Search the entries below for "transom" and copy each matching line.

=== Entries shown ===

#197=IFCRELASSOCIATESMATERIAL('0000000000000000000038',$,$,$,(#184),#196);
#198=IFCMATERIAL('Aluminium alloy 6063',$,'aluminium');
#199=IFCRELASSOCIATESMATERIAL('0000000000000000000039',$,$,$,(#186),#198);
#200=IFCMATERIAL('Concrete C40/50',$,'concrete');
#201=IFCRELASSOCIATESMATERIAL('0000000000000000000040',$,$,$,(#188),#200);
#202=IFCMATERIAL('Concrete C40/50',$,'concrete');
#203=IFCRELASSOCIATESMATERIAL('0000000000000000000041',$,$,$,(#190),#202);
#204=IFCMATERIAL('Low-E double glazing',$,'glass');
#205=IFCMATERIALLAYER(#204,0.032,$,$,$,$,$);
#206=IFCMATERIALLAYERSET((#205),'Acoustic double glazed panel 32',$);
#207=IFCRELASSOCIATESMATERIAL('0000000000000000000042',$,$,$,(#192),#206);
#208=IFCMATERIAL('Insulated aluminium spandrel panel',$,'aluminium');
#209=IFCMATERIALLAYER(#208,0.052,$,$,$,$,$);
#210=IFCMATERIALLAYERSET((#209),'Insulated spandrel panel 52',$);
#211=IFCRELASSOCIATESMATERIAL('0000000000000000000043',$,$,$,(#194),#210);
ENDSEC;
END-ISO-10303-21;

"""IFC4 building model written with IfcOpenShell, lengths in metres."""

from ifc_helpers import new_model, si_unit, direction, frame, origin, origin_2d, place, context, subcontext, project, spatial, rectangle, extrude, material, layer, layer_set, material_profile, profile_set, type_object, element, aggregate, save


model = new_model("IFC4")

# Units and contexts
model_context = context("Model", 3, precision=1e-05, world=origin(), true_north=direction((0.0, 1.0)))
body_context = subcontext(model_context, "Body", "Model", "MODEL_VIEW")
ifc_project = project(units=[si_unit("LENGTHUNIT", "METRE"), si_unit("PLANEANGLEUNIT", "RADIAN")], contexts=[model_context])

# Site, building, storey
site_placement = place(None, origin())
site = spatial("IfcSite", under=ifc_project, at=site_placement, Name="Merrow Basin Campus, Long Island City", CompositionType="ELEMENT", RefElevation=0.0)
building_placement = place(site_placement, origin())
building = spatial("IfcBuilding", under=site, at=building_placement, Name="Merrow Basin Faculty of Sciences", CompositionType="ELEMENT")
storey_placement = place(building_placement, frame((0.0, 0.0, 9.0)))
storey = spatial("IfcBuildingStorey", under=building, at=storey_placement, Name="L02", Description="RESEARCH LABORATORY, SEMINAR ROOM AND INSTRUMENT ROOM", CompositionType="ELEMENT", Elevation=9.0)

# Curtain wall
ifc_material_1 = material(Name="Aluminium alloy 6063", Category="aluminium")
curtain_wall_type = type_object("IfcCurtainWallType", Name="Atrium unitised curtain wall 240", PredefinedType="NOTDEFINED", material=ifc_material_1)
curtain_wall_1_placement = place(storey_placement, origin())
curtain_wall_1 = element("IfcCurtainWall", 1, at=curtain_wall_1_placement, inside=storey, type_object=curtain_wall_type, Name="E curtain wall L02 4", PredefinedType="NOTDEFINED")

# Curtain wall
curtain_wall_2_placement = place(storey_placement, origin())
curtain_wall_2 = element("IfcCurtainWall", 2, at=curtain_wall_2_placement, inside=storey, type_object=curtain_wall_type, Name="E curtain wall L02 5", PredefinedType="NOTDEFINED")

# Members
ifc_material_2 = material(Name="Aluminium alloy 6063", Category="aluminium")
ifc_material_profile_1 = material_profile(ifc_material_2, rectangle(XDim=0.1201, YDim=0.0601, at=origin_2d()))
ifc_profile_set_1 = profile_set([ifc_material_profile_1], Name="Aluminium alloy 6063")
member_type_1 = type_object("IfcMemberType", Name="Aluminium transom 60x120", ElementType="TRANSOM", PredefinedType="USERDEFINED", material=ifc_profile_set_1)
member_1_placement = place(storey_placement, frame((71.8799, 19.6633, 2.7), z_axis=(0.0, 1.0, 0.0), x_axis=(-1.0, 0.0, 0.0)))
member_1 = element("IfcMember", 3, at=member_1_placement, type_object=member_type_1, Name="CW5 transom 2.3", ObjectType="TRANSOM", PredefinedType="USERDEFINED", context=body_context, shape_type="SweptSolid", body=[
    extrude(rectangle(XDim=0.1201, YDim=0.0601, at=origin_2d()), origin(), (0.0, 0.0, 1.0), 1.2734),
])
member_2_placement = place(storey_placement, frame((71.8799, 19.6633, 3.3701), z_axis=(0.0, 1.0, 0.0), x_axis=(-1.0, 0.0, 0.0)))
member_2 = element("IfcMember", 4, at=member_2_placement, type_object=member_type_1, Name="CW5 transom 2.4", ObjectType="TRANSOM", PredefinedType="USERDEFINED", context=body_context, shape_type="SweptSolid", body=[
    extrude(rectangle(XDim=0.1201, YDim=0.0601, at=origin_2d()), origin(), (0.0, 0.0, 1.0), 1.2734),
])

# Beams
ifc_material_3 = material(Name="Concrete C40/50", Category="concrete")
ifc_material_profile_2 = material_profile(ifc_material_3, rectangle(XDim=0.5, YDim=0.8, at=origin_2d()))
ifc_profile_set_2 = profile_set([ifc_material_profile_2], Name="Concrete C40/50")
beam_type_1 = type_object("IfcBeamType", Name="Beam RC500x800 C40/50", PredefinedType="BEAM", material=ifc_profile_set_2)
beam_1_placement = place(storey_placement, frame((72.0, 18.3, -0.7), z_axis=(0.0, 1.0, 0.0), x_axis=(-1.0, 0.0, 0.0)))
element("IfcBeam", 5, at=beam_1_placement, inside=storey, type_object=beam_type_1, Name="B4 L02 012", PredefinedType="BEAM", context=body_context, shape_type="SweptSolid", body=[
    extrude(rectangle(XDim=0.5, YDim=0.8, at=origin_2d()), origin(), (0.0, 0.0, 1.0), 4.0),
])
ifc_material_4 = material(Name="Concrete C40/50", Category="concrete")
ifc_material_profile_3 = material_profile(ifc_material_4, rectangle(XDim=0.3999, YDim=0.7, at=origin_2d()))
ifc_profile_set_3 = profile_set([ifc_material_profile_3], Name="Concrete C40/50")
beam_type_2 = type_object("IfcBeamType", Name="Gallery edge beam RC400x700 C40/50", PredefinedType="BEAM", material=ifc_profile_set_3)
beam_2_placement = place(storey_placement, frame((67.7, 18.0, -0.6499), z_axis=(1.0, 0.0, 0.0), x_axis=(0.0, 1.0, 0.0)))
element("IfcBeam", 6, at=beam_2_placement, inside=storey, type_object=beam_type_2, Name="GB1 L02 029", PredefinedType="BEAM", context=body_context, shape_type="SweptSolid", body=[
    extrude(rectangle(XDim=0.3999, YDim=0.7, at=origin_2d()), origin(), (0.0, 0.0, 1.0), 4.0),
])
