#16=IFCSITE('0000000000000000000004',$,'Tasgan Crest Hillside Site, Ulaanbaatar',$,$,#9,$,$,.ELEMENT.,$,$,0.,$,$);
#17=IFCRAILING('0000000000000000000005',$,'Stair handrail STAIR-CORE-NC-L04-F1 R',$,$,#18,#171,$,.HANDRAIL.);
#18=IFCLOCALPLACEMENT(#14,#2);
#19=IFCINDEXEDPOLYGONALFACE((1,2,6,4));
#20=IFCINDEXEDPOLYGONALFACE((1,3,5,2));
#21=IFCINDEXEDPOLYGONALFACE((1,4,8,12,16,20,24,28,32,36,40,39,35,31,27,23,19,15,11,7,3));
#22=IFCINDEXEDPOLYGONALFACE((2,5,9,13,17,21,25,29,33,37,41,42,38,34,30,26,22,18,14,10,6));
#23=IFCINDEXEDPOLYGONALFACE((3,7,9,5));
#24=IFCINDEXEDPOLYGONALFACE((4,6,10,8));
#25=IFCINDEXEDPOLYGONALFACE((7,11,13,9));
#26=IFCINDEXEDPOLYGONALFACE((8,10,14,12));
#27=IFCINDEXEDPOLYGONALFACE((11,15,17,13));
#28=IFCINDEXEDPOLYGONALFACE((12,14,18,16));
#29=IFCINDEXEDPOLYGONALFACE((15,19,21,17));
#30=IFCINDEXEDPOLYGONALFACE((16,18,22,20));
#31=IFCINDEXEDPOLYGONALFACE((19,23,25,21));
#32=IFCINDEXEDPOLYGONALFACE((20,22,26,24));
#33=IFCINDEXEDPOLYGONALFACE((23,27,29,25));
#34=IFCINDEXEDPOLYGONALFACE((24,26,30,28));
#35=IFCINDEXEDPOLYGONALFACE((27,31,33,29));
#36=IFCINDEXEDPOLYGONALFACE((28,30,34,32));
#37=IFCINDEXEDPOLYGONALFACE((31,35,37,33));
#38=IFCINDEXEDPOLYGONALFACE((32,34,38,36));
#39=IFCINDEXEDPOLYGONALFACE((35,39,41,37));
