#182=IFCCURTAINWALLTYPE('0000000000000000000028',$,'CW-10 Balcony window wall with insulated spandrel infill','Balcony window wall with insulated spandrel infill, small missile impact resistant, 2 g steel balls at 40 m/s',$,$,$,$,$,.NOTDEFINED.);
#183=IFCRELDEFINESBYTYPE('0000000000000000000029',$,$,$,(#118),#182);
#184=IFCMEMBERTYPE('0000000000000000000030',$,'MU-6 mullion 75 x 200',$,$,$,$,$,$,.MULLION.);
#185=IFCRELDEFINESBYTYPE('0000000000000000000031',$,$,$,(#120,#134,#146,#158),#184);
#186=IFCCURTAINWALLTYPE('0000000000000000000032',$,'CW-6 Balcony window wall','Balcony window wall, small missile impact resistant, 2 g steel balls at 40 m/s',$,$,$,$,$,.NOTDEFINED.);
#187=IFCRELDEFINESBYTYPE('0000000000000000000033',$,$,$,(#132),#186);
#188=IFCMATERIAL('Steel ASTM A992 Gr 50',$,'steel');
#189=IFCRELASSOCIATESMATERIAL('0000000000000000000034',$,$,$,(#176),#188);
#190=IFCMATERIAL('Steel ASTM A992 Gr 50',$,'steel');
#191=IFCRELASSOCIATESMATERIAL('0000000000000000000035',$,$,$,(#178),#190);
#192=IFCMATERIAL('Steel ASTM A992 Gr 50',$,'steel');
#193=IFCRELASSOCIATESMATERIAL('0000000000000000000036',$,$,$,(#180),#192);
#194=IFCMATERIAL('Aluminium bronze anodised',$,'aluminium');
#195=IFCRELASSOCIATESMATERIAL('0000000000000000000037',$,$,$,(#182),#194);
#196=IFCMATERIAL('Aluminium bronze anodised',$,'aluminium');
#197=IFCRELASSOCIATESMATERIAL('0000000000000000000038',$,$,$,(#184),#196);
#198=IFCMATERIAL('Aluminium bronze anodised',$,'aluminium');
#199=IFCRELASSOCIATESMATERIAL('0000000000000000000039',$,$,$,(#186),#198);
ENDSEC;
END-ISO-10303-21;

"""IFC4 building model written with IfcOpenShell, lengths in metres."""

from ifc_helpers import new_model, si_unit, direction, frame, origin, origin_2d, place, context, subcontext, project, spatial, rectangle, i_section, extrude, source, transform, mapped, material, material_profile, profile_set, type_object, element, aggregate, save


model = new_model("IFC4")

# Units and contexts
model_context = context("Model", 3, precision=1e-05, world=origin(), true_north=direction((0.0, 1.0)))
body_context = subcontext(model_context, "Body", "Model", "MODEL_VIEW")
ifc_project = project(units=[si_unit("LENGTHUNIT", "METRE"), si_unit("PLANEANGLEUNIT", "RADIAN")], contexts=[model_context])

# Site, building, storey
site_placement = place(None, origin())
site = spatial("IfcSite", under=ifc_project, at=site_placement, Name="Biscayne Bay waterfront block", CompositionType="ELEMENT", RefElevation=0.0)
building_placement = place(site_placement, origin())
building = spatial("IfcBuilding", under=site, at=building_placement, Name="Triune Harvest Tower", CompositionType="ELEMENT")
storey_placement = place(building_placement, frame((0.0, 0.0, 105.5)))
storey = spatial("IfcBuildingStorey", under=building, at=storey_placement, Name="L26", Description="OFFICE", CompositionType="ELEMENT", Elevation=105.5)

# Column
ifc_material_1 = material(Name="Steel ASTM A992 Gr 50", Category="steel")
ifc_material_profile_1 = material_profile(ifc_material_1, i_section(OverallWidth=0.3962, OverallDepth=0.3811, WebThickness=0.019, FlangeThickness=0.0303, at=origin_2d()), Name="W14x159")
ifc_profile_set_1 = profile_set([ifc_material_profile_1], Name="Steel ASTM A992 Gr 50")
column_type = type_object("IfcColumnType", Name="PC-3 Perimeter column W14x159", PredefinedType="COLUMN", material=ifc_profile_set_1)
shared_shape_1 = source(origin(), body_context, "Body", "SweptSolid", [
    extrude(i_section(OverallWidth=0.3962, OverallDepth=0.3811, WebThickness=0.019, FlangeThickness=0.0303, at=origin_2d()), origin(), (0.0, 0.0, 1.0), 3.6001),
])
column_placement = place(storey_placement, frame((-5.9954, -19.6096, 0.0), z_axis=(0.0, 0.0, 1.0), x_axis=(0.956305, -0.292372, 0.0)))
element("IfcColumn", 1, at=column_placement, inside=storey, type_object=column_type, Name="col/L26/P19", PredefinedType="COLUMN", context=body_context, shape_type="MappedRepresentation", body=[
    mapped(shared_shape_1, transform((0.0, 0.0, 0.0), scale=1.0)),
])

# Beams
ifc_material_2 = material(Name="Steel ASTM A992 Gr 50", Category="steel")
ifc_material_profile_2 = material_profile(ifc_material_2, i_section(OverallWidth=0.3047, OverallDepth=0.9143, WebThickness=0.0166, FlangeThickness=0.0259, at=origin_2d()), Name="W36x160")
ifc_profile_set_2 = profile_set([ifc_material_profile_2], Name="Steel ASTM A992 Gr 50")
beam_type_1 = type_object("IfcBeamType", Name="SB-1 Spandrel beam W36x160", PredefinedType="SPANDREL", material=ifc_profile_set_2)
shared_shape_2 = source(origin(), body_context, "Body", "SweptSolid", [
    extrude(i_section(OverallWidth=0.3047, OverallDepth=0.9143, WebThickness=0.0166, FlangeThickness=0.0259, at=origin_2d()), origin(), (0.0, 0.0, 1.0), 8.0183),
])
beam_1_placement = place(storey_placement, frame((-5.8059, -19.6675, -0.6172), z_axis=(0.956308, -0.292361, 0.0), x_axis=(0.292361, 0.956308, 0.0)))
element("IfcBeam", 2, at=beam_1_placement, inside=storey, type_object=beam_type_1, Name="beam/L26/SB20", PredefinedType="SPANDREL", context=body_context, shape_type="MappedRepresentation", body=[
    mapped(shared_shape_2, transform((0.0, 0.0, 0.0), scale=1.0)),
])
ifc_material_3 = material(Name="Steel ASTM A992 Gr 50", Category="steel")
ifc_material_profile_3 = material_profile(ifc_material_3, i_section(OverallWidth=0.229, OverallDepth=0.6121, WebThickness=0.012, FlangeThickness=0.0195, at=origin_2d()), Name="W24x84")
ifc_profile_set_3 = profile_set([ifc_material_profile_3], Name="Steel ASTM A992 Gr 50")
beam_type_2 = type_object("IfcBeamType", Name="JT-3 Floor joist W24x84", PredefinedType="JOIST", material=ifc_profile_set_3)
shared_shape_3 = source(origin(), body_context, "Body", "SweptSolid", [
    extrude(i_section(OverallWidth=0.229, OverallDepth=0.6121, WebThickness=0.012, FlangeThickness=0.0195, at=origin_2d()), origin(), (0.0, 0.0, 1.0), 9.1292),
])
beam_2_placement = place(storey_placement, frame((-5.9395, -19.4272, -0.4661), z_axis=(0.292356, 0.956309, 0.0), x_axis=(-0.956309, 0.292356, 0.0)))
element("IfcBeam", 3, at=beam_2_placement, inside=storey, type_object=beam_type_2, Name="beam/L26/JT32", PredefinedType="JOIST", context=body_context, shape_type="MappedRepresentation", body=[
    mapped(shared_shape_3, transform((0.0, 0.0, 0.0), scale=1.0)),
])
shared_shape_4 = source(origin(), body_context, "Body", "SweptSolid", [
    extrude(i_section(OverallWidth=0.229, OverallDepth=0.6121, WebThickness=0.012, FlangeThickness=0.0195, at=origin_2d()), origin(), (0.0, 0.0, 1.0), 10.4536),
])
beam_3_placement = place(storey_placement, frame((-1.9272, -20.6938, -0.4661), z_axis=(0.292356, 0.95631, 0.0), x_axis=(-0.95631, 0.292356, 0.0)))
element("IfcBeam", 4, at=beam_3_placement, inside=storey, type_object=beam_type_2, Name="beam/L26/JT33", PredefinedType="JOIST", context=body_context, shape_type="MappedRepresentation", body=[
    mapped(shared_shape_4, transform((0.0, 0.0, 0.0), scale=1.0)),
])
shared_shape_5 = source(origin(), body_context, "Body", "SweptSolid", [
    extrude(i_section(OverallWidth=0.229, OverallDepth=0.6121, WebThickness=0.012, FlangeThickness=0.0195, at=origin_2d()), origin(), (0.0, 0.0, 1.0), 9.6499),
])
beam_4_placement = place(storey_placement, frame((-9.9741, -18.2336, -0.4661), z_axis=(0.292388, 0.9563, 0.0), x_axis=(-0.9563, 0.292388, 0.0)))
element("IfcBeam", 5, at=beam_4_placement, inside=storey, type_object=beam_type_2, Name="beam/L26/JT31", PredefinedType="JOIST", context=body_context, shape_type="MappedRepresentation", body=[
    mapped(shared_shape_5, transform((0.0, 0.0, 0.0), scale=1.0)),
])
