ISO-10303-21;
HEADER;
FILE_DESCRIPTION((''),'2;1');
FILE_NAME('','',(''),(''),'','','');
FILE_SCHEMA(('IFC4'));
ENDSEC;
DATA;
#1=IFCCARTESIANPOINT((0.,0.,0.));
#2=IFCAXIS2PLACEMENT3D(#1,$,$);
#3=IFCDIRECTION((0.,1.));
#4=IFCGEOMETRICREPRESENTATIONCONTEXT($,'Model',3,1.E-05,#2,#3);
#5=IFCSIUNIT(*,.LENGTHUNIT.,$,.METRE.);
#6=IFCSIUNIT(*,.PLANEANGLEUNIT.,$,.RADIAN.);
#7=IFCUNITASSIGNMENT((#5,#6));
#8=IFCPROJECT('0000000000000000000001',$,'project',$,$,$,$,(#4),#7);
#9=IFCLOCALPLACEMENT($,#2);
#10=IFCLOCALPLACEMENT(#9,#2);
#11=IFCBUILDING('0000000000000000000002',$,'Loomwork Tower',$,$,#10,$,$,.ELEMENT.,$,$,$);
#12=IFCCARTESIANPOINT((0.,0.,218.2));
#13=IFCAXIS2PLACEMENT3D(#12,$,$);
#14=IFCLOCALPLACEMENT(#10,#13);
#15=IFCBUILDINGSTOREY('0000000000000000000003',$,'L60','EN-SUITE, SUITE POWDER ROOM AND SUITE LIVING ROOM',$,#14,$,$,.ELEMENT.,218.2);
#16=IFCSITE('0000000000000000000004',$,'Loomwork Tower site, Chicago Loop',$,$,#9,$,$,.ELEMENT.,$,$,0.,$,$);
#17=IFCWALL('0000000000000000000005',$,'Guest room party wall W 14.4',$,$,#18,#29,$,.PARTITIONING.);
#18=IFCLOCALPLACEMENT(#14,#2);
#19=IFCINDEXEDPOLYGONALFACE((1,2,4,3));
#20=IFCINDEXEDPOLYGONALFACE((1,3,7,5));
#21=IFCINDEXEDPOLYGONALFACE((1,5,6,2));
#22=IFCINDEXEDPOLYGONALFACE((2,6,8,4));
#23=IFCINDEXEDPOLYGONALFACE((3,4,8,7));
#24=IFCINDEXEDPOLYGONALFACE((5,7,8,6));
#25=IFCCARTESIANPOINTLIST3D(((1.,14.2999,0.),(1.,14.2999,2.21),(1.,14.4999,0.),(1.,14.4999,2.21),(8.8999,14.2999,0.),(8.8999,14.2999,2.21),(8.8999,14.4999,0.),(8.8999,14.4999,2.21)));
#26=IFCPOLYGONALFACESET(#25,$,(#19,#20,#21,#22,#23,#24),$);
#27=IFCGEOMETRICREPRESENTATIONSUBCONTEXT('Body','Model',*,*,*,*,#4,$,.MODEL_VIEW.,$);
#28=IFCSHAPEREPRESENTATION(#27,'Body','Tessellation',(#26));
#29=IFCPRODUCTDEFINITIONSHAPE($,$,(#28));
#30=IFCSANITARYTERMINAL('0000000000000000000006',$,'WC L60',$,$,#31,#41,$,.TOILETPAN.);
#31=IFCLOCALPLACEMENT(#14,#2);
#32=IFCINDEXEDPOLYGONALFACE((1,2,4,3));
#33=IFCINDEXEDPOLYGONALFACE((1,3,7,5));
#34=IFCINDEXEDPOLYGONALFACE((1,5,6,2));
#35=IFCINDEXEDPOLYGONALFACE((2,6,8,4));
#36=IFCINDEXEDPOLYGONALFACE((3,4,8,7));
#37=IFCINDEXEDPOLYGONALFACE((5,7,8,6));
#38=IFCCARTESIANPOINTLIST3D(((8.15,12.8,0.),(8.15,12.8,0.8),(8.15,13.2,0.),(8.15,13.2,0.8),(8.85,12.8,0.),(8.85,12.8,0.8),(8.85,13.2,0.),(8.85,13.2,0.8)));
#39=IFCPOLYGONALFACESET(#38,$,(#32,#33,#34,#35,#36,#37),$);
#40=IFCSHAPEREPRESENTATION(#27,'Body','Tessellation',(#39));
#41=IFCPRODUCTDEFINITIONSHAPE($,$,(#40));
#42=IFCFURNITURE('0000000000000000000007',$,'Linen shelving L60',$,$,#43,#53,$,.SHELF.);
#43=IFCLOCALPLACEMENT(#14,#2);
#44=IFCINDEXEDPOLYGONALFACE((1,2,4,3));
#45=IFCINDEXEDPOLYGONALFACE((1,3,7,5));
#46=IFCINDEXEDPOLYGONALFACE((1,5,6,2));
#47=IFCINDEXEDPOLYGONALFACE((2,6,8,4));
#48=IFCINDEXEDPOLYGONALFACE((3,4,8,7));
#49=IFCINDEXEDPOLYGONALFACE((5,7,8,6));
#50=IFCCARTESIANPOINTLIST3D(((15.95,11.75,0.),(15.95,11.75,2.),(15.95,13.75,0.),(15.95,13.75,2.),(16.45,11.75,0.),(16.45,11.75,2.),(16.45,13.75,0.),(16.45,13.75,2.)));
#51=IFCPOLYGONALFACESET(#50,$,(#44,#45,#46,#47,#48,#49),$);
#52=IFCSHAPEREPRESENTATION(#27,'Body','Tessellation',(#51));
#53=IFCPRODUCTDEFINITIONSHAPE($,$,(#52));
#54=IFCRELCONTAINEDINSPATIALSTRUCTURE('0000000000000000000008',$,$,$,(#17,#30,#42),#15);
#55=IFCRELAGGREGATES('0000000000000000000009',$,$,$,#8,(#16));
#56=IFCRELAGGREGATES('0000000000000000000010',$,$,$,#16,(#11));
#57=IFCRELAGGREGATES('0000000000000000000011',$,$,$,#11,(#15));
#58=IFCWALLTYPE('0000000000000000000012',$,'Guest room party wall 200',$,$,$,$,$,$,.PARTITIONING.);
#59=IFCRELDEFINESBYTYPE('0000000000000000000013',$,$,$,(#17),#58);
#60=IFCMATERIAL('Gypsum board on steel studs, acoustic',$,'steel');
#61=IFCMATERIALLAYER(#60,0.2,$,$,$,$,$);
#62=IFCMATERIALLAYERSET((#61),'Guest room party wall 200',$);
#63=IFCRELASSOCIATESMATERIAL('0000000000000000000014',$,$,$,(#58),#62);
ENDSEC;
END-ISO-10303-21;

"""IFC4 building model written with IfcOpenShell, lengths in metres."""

from ifc_helpers import new_model, si_unit, direction, frame, frame_2d, origin, origin_2d, place, context, subcontext, project, spatial, rectangle, extrude, material, layer, layer_set, type_object, element, save


model = new_model("IFC4")

# Units and contexts
model_context = context("Model", 3, precision=1e-05, world=origin(), true_north=direction((0.0, 1.0)))
body_context = subcontext(model_context, "Body", "Model", "MODEL_VIEW")
ifc_project = project(units=[si_unit("LENGTHUNIT", "METRE"), si_unit("PLANEANGLEUNIT", "RADIAN")], contexts=[model_context])

# Site, building, storey
site_placement = place(None, origin())
site = spatial("IfcSite", under=ifc_project, at=site_placement, Name="Loomwork Tower site, Chicago Loop", CompositionType="ELEMENT", RefElevation=0.0)
building_placement = place(site_placement, origin())
building = spatial("IfcBuilding", under=site, at=building_placement, Name="Loomwork Tower", CompositionType="ELEMENT")
storey_placement = place(building_placement, frame((0.0, 0.0, 218.2)))
storey = spatial("IfcBuildingStorey", under=building, at=storey_placement, Name="L60", Description="EN-SUITE, SUITE POWDER ROOM AND SUITE LIVING ROOM", CompositionType="ELEMENT", Elevation=218.2)

# Wall
ifc_material_1 = material(Name="Gypsum board on steel studs, acoustic", Category="steel")
ifc_layer_1 = layer(ifc_material_1, 0.2)
ifc_layer_set_1 = layer_set([ifc_layer_1], Name="Guest room party wall 200")
wall_type_1 = type_object("IfcWallType", Name="Guest room party wall 200", PredefinedType="PARTITIONING", material=ifc_layer_set_1)
wall_1_placement = place(storey_placement, frame((8.8999, 14.3999, 0.0), z_axis=(0.0, 0.0, 1.0), x_axis=(-1.0, 0.0, 0.0)))
element("IfcWall", 1, at=wall_1_placement, inside=storey, type_object=wall_type_1, Name="Guest room party wall W 14.4", PredefinedType="PARTITIONING", context=body_context, shape_type="SweptSolid", body=[
    extrude(rectangle(XDim=7.8999, YDim=0.2, at=frame_2d((3.95, 0.0))), origin(), (0.0, 0.0, 1.0), 2.21),
])

# Sanitary terminal
sanitary_terminal_placement = place(storey_placement, frame((8.5, 13.0, 0.0), z_axis=(0.0, 0.0, 1.0), x_axis=(1.0, 0.0, 0.0)))
element("IfcSanitaryTerminal", 2, at=sanitary_terminal_placement, inside=storey, Name="WC L60", PredefinedType="TOILETPAN", context=body_context, shape_type="SweptSolid", body=[
    extrude(rectangle(XDim=0.7, YDim=0.3999, at=origin_2d()), origin(), (0.0, 0.0, 1.0), 0.8),
])

# Furniture
furniture_placement = place(storey_placement, frame((16.2, 12.75, 0.0), z_axis=(0.0, 0.0, 1.0), x_axis=(1.0, 0.0, 0.0)))
element("IfcFurniture", 3, at=furniture_placement, inside=storey, Name="Linen shelving L60", PredefinedType="SHELF", context=body_context, shape_type="SweptSolid", body=[
    extrude(rectangle(XDim=0.5, YDim=2.0, at=origin_2d()), origin(), (0.0, 0.0, 1.0), 2.0),
])

save(model, "model.ifc")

===

Answer space
member_type_1 = type_object("IfcMemberType", Name="Aluminium transom 60x120", ElementType="TRANSOM", PredefinedType="USERDEFINED", material=ifc_profile_set_1)
member_1 = element("IfcMember", 3, at=member_1_placement, type_object=member_type_1, Name="CW5 transom 2.3", ObjectType="TRANSOM", PredefinedType="USERDEFINED", context=body_context, shape_type="SweptSolid", body=[
member_2 = element("IfcMember", 4, at=member_2_placement, type_object=member_type_1, Name="CW5 transom 2.4", ObjectType="TRANSOM", PredefinedType="USERDEFINED", context=body_context, shape_type="SweptSolid", body=[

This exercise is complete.